■ **EXERCISE OBJECTIVE**
Return the data below exactly, but only from the line containing "#39=IFCINDEXEDPOLYGONALFACE((33,34,36,35));" through the line containing "#54=IFCINDEXEDPOLYGONALFACE((63,69,70,64));", with both of those lines included.

[Collection entries]
────────
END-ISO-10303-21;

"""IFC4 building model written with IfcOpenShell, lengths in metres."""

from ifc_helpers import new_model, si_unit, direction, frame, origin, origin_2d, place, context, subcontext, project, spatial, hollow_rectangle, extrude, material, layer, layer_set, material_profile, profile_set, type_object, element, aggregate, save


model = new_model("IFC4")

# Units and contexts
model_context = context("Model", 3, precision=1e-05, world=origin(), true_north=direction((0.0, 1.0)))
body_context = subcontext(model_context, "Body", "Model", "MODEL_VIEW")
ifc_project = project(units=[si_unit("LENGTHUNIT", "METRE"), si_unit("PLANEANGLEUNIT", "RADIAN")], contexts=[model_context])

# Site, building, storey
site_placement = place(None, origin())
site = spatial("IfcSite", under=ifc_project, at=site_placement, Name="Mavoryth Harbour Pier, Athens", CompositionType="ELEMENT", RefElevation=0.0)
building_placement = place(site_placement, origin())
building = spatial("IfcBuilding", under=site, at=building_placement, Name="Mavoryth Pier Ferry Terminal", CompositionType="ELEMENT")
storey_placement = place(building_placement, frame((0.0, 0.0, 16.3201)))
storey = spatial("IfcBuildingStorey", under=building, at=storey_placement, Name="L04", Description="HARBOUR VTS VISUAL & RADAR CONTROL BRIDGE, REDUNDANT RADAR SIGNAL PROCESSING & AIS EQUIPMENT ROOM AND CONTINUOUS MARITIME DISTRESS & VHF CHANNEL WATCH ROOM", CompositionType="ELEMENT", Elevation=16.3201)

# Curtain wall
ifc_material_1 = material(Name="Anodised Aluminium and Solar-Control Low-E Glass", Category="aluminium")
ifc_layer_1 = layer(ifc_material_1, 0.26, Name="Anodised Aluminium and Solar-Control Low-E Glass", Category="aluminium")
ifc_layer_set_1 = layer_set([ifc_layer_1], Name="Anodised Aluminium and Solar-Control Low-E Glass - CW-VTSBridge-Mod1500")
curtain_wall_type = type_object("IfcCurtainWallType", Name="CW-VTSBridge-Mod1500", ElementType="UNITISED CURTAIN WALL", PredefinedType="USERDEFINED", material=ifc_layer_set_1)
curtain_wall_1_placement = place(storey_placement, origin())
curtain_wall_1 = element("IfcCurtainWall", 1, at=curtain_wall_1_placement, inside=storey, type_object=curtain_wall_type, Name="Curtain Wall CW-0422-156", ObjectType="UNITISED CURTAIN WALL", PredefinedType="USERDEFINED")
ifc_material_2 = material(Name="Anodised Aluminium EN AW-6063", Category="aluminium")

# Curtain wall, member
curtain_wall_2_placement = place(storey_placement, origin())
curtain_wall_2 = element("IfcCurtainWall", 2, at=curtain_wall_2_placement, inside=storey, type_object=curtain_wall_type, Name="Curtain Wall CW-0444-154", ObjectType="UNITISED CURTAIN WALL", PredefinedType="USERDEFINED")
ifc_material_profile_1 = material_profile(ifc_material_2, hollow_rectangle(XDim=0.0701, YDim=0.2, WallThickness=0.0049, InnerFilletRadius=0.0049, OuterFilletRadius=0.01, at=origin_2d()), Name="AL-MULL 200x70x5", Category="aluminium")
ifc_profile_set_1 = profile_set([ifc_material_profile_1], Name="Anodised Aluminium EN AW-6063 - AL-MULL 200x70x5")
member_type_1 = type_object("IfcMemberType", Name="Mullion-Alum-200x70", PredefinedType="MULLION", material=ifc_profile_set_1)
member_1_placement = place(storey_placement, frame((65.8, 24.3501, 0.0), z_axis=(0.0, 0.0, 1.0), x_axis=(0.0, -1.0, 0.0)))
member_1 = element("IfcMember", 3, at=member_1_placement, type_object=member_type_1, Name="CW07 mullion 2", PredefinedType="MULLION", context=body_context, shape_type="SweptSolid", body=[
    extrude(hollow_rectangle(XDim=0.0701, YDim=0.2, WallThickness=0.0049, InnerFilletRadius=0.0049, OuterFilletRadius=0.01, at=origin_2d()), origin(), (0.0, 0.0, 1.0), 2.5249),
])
────────
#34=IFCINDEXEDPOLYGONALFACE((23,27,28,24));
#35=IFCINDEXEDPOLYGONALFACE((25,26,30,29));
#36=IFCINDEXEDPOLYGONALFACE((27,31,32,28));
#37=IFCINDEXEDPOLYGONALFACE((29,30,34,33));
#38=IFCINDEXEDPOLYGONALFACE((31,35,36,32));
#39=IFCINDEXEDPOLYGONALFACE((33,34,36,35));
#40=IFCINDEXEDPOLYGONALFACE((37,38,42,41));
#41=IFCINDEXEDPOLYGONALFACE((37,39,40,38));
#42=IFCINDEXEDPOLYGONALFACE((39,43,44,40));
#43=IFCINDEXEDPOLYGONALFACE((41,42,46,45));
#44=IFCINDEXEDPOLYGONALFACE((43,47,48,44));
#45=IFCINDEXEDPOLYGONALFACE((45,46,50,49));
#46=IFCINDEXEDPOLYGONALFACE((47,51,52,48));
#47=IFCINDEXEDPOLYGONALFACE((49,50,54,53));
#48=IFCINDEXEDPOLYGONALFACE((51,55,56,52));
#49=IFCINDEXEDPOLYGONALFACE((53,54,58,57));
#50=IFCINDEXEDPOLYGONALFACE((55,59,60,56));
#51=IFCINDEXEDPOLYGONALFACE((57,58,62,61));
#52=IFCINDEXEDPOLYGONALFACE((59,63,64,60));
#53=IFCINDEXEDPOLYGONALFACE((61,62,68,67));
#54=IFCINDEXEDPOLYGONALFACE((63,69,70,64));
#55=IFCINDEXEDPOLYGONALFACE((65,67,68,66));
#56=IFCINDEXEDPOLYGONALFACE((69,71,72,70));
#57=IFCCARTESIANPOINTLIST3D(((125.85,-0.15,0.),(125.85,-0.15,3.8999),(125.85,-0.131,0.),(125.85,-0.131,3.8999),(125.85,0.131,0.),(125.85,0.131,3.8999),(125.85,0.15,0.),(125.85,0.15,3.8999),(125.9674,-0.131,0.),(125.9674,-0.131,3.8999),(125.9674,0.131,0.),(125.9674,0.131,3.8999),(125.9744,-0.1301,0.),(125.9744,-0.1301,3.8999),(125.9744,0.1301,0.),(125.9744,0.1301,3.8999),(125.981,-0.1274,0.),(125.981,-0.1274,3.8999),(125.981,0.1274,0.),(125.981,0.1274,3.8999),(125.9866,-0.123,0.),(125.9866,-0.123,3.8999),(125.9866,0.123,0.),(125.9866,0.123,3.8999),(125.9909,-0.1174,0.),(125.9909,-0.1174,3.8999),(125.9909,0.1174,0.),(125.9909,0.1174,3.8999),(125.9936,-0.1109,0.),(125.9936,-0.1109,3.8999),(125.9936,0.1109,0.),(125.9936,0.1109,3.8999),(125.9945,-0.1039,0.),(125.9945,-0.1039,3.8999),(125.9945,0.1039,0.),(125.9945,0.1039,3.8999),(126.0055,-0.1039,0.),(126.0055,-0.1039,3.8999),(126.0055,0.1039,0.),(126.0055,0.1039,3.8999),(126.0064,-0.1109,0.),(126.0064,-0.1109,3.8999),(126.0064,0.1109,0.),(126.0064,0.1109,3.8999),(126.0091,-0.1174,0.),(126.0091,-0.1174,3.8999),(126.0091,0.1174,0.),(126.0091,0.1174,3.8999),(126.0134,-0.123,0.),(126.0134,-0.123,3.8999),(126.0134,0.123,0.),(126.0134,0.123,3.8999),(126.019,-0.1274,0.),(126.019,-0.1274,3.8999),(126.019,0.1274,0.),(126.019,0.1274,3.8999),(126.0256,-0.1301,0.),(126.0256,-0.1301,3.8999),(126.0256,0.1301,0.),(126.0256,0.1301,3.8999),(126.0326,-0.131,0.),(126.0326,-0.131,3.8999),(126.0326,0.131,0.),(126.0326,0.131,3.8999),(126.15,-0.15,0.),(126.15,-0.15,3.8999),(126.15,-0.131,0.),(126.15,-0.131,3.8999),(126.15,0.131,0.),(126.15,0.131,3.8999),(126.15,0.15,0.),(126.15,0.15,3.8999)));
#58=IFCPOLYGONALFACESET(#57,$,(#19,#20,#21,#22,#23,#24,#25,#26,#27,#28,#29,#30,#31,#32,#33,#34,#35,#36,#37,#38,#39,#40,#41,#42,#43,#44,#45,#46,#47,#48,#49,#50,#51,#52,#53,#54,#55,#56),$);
────────
■ **PROBLEM SOLUTION**
#39=IFCINDEXEDPOLYGONALFACE((33,34,36,35));
#40=IFCINDEXEDPOLYGONALFACE((37,38,42,41));
#41=IFCINDEXEDPOLYGONALFACE((37,39,40,38));
#42=IFCINDEXEDPOLYGONALFACE((39,43,44,40));
#43=IFCINDEXEDPOLYGONALFACE((41,42,46,45));
#44=IFCINDEXEDPOLYGONALFACE((43,47,48,44));
#45=IFCINDEXEDPOLYGONALFACE((45,46,50,49));
#46=IFCINDEXEDPOLYGONALFACE((47,51,52,48));
#47=IFCINDEXEDPOLYGONALFACE((49,50,54,53));
#48=IFCINDEXEDPOLYGONALFACE((51,55,56,52));
#49=IFCINDEXEDPOLYGONALFACE((53,54,58,57));
#50=IFCINDEXEDPOLYGONALFACE((55,59,60,56));
#51=IFCINDEXEDPOLYGONALFACE((57,58,62,61));
#52=IFCINDEXEDPOLYGONALFACE((59,63,64,60));
#53=IFCINDEXEDPOLYGONALFACE((61,62,68,67));
#54=IFCINDEXEDPOLYGONALFACE((63,69,70,64));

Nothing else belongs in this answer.